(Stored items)
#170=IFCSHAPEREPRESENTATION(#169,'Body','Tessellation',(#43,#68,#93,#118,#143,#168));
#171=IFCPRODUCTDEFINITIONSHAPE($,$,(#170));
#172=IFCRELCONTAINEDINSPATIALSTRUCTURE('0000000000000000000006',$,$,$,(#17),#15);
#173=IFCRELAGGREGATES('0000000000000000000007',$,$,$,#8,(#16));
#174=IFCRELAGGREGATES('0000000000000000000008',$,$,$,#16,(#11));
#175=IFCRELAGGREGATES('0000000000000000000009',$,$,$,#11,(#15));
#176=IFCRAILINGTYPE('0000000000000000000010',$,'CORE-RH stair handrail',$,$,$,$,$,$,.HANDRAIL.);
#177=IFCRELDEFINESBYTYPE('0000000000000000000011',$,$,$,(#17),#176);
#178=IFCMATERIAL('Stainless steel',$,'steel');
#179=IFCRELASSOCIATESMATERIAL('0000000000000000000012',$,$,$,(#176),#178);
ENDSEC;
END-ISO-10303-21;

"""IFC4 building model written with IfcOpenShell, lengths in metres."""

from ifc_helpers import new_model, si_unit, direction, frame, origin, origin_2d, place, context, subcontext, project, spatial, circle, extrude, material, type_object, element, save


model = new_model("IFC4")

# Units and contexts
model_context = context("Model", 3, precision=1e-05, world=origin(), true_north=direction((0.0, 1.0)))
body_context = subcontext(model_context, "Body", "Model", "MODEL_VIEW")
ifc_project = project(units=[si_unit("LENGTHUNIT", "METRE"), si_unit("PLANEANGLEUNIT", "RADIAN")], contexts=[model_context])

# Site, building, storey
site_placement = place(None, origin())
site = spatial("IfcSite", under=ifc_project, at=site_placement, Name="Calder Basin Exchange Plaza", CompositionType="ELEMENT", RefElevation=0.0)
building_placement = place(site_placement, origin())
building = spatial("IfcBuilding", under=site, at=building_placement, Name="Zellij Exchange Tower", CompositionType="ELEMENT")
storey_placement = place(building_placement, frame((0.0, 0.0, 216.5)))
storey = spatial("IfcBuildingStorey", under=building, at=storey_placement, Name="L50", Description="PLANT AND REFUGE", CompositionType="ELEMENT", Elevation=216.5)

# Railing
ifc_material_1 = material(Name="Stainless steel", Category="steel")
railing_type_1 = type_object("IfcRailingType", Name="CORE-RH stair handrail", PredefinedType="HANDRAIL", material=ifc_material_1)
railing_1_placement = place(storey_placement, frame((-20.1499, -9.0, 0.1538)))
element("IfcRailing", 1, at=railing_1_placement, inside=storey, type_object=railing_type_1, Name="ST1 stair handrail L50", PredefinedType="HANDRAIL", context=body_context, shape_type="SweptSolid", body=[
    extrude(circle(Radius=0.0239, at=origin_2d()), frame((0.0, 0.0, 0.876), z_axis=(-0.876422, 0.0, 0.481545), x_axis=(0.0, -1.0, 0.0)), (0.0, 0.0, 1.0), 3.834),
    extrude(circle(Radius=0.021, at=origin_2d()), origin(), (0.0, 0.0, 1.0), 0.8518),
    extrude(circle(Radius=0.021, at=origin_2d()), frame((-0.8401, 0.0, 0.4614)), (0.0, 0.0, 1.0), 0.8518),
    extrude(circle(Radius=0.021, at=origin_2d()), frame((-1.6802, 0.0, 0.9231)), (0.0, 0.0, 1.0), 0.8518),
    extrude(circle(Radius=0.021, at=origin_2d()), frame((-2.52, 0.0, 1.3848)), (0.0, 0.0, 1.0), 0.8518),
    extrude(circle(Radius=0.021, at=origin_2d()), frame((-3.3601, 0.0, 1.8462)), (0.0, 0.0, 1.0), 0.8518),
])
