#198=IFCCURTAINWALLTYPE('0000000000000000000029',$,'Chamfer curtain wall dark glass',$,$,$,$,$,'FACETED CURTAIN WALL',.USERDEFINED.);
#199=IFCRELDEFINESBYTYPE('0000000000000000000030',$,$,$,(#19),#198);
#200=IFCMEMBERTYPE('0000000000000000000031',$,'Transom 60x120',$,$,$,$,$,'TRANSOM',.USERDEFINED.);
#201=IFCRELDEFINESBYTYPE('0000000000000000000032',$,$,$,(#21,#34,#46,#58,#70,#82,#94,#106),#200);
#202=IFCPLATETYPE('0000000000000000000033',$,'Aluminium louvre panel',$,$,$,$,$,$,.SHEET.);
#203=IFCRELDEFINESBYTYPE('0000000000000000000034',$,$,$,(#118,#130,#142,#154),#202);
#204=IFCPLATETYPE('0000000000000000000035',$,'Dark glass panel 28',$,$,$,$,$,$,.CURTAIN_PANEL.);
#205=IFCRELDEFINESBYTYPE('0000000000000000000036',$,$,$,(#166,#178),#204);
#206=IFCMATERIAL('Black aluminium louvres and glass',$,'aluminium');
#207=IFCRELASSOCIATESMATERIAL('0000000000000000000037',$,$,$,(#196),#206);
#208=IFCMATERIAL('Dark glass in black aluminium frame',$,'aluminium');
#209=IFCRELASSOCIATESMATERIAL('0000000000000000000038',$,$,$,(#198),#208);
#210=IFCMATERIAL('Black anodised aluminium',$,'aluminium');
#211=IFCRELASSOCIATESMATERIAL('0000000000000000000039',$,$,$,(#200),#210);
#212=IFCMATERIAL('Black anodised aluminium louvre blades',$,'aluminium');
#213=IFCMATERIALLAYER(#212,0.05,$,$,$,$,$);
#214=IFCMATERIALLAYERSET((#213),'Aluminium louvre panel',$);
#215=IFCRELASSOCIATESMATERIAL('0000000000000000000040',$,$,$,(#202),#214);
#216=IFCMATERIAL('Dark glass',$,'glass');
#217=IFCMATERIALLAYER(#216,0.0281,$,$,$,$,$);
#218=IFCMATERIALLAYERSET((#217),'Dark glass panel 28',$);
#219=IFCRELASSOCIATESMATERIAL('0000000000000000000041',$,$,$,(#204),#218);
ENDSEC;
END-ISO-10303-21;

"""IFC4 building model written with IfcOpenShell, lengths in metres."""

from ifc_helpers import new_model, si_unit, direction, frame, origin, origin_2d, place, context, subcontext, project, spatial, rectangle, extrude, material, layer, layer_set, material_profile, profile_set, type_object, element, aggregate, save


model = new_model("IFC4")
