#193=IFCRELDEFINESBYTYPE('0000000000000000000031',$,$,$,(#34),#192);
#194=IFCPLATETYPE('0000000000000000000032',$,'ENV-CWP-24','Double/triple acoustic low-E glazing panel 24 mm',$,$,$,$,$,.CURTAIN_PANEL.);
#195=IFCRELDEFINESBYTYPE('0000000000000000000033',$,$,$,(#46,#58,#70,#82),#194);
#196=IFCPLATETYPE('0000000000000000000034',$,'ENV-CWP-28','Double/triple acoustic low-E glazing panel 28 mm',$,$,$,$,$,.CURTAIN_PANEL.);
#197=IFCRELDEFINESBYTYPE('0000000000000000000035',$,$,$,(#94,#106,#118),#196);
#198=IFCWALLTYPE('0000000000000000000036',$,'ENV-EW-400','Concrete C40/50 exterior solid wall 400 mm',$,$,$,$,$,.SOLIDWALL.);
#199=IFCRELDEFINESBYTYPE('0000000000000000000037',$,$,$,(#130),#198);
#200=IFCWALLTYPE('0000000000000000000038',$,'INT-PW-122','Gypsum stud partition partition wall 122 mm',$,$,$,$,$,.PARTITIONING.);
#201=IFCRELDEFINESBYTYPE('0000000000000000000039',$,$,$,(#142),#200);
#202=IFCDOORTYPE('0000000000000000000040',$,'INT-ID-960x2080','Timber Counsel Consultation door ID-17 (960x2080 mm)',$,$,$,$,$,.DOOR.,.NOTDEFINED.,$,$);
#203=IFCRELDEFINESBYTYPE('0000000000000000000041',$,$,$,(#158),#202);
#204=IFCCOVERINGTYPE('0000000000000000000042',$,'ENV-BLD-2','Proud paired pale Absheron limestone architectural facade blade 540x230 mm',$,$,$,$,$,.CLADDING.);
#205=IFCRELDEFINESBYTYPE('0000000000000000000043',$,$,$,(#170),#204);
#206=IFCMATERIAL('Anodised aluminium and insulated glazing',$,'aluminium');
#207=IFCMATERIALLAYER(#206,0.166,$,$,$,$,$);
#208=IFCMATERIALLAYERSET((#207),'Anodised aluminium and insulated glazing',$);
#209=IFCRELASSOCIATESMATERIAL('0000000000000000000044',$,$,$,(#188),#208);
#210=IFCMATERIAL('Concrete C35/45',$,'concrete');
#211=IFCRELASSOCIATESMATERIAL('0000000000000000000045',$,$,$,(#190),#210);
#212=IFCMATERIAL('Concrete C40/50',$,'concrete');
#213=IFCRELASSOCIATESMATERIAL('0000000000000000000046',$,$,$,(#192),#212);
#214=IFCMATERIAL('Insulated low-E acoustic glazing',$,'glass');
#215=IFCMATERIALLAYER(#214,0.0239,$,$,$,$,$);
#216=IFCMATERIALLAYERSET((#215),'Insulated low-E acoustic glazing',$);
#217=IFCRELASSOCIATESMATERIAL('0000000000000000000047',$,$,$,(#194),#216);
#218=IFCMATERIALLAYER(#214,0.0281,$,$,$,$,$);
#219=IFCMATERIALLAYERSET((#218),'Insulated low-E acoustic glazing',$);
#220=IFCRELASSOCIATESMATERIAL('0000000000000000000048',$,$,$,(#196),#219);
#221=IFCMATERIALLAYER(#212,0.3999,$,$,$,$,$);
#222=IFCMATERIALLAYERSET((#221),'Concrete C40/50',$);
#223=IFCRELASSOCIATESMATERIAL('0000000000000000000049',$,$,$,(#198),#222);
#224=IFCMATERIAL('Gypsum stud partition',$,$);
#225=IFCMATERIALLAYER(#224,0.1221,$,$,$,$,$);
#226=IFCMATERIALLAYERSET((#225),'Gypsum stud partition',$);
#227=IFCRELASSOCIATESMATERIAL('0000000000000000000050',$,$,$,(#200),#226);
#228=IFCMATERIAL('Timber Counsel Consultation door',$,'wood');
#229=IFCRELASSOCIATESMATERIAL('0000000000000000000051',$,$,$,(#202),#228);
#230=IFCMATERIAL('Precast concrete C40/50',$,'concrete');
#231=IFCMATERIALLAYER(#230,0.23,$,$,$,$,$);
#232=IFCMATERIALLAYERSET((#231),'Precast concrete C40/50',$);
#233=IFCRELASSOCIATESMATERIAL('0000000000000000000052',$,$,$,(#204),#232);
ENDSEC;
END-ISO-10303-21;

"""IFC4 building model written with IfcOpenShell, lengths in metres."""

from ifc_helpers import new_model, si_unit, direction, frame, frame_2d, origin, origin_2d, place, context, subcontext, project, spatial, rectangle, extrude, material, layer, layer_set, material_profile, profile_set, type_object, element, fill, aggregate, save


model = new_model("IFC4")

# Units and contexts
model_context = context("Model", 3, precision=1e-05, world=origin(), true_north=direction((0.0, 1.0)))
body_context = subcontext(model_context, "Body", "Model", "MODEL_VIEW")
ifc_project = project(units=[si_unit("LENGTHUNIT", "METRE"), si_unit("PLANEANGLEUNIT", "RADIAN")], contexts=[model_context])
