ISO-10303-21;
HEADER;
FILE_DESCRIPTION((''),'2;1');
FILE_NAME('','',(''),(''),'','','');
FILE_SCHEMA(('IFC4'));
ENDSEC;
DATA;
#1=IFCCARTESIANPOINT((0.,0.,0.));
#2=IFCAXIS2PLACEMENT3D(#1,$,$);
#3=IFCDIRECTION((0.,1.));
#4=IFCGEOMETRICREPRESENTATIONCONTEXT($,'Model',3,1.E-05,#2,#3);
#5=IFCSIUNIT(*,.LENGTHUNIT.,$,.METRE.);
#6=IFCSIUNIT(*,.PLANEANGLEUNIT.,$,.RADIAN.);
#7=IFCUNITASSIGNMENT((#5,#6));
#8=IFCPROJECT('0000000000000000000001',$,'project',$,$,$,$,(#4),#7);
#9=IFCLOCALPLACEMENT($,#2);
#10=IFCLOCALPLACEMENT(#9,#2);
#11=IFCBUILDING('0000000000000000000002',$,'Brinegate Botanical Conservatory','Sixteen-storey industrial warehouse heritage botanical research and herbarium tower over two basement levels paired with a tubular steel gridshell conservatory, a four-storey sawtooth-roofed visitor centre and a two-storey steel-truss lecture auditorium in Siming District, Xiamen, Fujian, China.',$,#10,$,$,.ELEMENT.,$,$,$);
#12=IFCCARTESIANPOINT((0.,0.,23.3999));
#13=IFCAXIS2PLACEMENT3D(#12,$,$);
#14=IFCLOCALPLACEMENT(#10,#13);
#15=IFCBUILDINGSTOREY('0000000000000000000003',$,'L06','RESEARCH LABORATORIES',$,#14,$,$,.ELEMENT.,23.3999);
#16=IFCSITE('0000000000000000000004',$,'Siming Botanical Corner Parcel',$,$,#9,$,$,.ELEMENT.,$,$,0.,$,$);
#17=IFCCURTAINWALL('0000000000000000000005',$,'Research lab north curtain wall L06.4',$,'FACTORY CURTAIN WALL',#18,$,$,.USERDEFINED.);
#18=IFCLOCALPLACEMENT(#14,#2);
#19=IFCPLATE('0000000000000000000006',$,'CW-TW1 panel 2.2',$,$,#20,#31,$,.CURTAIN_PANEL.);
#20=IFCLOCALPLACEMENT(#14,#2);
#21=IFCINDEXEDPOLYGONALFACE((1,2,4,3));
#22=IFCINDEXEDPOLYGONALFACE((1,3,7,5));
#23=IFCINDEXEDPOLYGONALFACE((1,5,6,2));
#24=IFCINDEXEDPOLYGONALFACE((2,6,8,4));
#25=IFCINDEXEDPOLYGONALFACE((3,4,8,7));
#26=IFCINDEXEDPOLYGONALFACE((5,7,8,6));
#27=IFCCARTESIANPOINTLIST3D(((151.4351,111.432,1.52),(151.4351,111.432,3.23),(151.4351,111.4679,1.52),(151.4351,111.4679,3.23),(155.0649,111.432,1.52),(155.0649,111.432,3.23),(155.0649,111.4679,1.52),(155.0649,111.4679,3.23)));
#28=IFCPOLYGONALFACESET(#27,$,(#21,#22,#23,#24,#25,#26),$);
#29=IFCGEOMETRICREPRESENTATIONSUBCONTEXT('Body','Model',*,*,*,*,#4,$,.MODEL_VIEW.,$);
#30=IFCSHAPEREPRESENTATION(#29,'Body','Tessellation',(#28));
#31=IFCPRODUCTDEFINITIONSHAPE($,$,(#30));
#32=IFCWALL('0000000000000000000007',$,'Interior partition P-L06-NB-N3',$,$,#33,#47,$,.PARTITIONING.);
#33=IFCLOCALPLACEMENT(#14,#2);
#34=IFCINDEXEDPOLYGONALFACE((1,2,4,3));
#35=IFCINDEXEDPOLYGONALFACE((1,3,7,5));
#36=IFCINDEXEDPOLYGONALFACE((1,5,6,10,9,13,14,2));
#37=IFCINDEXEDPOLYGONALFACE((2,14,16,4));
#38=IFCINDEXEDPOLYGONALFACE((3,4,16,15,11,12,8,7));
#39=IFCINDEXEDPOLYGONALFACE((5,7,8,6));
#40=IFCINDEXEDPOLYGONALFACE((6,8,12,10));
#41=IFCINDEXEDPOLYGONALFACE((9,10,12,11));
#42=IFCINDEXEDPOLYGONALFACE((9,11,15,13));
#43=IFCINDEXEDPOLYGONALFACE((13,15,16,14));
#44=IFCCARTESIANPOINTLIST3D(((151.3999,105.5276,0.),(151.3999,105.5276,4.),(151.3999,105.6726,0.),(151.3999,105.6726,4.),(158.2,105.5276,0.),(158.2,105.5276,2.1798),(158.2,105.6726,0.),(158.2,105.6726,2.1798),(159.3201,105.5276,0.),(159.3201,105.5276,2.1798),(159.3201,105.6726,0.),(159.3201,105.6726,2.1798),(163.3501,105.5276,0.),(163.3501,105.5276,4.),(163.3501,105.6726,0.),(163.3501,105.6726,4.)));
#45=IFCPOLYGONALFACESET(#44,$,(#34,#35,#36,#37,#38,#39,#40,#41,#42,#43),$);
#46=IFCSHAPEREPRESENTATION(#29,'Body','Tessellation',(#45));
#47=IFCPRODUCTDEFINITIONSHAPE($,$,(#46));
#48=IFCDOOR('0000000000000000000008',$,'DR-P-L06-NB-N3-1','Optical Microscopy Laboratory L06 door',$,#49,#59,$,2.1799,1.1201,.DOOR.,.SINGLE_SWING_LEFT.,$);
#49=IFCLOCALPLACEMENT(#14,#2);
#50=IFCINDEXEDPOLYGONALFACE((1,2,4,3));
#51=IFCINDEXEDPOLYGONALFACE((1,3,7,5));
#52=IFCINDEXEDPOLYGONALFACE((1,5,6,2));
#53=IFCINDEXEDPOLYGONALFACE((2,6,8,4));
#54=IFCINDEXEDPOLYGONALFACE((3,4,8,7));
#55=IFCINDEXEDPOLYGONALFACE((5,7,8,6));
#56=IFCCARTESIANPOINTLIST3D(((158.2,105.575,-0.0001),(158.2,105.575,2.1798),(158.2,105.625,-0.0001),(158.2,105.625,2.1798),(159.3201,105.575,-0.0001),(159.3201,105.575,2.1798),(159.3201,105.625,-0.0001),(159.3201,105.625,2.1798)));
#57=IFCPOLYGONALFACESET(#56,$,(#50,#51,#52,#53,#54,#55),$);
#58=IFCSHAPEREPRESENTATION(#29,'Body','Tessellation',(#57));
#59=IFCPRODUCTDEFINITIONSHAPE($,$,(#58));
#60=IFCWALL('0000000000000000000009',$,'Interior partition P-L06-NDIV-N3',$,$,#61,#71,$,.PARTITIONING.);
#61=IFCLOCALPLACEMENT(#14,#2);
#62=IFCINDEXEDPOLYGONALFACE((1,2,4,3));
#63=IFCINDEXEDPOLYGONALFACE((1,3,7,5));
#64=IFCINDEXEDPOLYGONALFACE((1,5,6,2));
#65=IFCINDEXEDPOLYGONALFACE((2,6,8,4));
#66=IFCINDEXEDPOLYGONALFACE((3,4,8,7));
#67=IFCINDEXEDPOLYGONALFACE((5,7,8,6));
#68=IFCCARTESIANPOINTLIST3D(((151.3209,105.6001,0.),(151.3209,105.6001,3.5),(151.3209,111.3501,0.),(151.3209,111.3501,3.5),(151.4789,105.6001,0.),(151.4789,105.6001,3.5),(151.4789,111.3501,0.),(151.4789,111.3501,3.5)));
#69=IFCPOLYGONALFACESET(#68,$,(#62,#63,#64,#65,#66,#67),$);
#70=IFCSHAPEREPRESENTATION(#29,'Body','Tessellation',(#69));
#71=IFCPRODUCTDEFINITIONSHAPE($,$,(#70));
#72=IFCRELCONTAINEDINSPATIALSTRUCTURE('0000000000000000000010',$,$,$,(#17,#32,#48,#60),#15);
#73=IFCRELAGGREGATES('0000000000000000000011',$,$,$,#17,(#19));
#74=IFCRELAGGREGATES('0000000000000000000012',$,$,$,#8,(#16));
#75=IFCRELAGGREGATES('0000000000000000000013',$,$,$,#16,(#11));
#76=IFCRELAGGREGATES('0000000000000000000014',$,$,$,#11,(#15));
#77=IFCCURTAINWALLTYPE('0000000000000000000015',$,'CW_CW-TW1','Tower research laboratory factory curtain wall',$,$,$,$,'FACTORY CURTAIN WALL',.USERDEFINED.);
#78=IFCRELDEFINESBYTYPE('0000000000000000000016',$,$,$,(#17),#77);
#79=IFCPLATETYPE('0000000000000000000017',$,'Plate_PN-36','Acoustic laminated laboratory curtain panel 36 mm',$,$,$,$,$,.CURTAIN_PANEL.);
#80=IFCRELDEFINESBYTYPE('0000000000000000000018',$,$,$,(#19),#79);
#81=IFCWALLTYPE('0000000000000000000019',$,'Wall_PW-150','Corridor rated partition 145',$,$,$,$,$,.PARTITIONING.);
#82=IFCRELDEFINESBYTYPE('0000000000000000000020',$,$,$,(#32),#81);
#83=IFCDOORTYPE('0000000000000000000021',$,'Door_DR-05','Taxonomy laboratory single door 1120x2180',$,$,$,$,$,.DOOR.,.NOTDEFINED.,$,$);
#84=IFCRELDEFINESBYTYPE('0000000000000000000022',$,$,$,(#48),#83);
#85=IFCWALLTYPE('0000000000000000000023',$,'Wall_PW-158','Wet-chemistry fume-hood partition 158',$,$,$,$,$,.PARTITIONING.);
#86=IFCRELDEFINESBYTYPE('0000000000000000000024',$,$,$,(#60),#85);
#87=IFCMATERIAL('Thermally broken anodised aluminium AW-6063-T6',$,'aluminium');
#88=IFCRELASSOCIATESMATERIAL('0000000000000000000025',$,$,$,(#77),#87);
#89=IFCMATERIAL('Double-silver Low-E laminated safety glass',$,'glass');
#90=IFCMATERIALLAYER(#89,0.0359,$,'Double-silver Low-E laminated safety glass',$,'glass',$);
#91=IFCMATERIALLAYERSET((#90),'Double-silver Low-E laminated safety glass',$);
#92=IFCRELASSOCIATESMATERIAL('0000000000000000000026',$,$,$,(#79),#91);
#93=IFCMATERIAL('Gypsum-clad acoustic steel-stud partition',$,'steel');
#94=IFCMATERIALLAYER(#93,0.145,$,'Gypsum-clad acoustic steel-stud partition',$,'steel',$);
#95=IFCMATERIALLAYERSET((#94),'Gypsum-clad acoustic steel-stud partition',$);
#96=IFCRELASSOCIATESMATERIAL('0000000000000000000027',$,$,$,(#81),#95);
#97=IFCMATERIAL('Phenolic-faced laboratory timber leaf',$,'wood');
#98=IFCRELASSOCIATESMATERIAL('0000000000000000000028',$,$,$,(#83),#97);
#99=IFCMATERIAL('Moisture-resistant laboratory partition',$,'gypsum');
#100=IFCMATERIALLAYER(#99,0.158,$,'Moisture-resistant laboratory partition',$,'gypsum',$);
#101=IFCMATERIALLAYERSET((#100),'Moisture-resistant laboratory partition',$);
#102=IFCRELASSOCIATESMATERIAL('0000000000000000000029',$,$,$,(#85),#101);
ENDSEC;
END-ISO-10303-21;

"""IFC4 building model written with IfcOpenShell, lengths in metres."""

from ifc_helpers import new_model, si_unit, direction, frame, frame_2d, origin, origin_2d, place, context, subcontext, project, spatial, rectangle, extrude, material, layer, layer_set, type_object, element, fill, aggregate, save


model = new_model("IFC4")

# Units and contexts
model_context = context("Model", 3, precision=1e-05, world=origin(), true_north=direction((0.0, 1.0)))
body_context = subcontext(model_context, "Body", "Model", "MODEL_VIEW")
ifc_project = project(units=[si_unit("LENGTHUNIT", "METRE"), si_unit("PLANEANGLEUNIT", "RADIAN")], contexts=[model_context])

# Site, building, storey
site_placement = place(None, origin())
site = spatial("IfcSite", under=ifc_project, at=site_placement, Name="Siming Botanical Corner Parcel", CompositionType="ELEMENT", RefElevation=0.0)
building_placement = place(site_placement, origin())
building = spatial("IfcBuilding", under=site, at=building_placement, Name="Brinegate Botanical Conservatory", Description="Sixteen-storey industrial warehouse heritage botanical research and herbarium tower over two basement levels paired with a tubular steel gridshell conservatory, a four-storey sawtooth-roofed visitor centre and a two-storey steel-truss lecture auditorium in Siming District, Xiamen, Fujian, China.", CompositionType="ELEMENT")
storey_placement = place(building_placement, frame((0.0, 0.0, 23.3999)))
storey = spatial("IfcBuildingStorey", under=building, at=storey_placement, Name="L06", Description="RESEARCH LABORATORIES", CompositionType="ELEMENT", Elevation=23.3999)

# Curtain wall, plate
ifc_material_1 = material(Name="Thermally broken anodised aluminium AW-6063-T6", Category="aluminium")
curtain_wall_type = type_object("IfcCurtainWallType", Name="CW_CW-TW1", Description="Tower research laboratory factory curtain wall", ElementType="FACTORY CURTAIN WALL", PredefinedType="USERDEFINED", material=ifc_material_1)
curtain_wall_placement = place(storey_placement, origin())
curtain_wall = element("IfcCurtainWall", 1, at=curtain_wall_placement, inside=storey, type_object=curtain_wall_type, Name="Research lab north curtain wall L06.4", ObjectType="FACTORY CURTAIN WALL", PredefinedType="USERDEFINED")
ifc_material_2 = material(Name="Double-silver Low-E laminated safety glass", Category="glass")
ifc_layer_1 = layer(ifc_material_2, 0.0359, Name="Double-silver Low-E laminated safety glass", Category="glass")
ifc_layer_set_1 = layer_set([ifc_layer_1], Name="Double-silver Low-E laminated safety glass")
plate_type = type_object("IfcPlateType", Name="Plate_PN-36", Description="Acoustic laminated laboratory curtain panel 36 mm", PredefinedType="CURTAIN_PANEL", material=ifc_layer_set_1)
plate_1_placement = place(storey_placement, frame((153.25, 111.45, 1.52), z_axis=(0.0, 0.0, 1.0), x_axis=(1.0, 0.0, 0.0)))
plate_1 = element("IfcPlate", 2, at=plate_1_placement, type_object=plate_type, Name="CW-TW1 panel 2.2", PredefinedType="CURTAIN_PANEL", context=body_context, shape_type="SweptSolid", body=[
    extrude(rectangle(XDim=3.6299, YDim=0.0359, at=origin_2d()), origin(), (0.0, 0.0, 1.0), 1.71),
])
aggregate(curtain_wall, [plate_1])

# Wall, opening, door
ifc_material_3 = material(Name="Gypsum-clad acoustic steel-stud partition", Category="steel")
ifc_layer_2 = layer(ifc_material_3, 0.145, Name="Gypsum-clad acoustic steel-stud partition", Category="steel")
ifc_layer_set_2 = layer_set([ifc_layer_2], Name="Gypsum-clad acoustic steel-stud partition")
wall_type_1 = type_object("IfcWallType", Name="Wall_PW-150", Description="Corridor rated partition 145", PredefinedType="PARTITIONING", material=ifc_layer_set_2)
wall_1_placement = place(storey_placement, frame((151.3999, 105.6001, 0.0), z_axis=(0.0, 0.0, 1.0), x_axis=(1.0, 0.0, 0.0)))
wall_1 = element("IfcWall", 3, at=wall_1_placement, inside=storey, type_object=wall_type_1, Name="Interior partition P-L06-NB-N3", PredefinedType="PARTITIONING", context=body_context, shape_type="SweptSolid", body=[
    extrude(rectangle(XDim=11.9502, YDim=0.145, at=frame_2d((5.9751, 0.0))), origin(), (0.0, 0.0, 1.0), 4.0),
])
opening_placement = place(wall_1_placement, frame((6.8, 0.0, 0.0)))
opening = element("IfcOpeningElement", 4, at=opening_placement, cuts=wall_1, PredefinedType="OPENING", context=body_context, shape_type="SweptSolid", body=[
    extrude(rectangle(XDim=1.1201, YDim=2.1799, at=frame_2d((0.5601, 1.0898))), frame((0.0, 0.0825, 0.0), z_axis=(0.0, -1.0, 0.0), x_axis=(1.0, 0.0, 0.0)), (0.0, 0.0, 1.0), 0.165),
])
ifc_material_4 = material(Name="Phenolic-faced laboratory timber leaf", Category="wood")
door_type = type_object("IfcDoorType", Name="Door_DR-05", Description="Taxonomy laboratory single door 1120x2180", OperationType="NOTDEFINED", PredefinedType="DOOR", material=ifc_material_4)
door_placement = place(opening_placement, origin())
door = element("IfcDoor", 5, at=door_placement, inside=storey, type_object=door_type, Name="DR-P-L06-NB-N3-1", Description="Optical Microscopy Laboratory L06 door", OperationType="SINGLE_SWING_LEFT", OverallHeight=2.1799, OverallWidth=1.1201, PredefinedType="DOOR", context=body_context, shape_type="SweptSolid", body=[
    extrude(rectangle(XDim=1.1201, YDim=2.1799, at=frame_2d((0.5601, 1.0898))), frame((0.0, 0.0249, 0.0), z_axis=(0.0, -1.0, 0.0), x_axis=(1.0, 0.0, 0.0)), (0.0, 0.0, 1.0), 0.05),
])
fill(opening, door)

# Wall
ifc_material_5 = material(Name="Moisture-resistant laboratory partition", Category="gypsum")
ifc_layer_3 = layer(ifc_material_5, 0.158, Name="Moisture-resistant laboratory partition", Category="gypsum")
ifc_layer_set_3 = layer_set([ifc_layer_3], Name="Moisture-resistant laboratory partition")
wall_type_2 = type_object("IfcWallType", Name="Wall_PW-158", Description="Wet-chemistry fume-hood partition 158", PredefinedType="PARTITIONING", material=ifc_layer_set_3)
wall_2_placement = place(storey_placement, frame((151.3999, 105.6001, 0.0), z_axis=(0.0, 0.0, 1.0), x_axis=(0.0, 1.0, 0.0)))
element("IfcWall", 6, at=wall_2_placement, inside=storey, type_object=wall_type_2, Name="Interior partition P-L06-NDIV-N3", PredefinedType="PARTITIONING", context=body_context, shape_type="SweptSolid", body=[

• **Try it**
Whenever a line in the entries holds the word "Counsel", copy that line.

• **Written response**
#202=IFCDOORTYPE('0000000000000000000040',$,'INT-ID-960x2080','Timber Counsel Consultation door ID-17 (960x2080 mm)',$,$,$,$,$,.DOOR.,.NOTDEFINED.,$,$);
#228=IFCMATERIAL('Timber Counsel Consultation door',$,'wood');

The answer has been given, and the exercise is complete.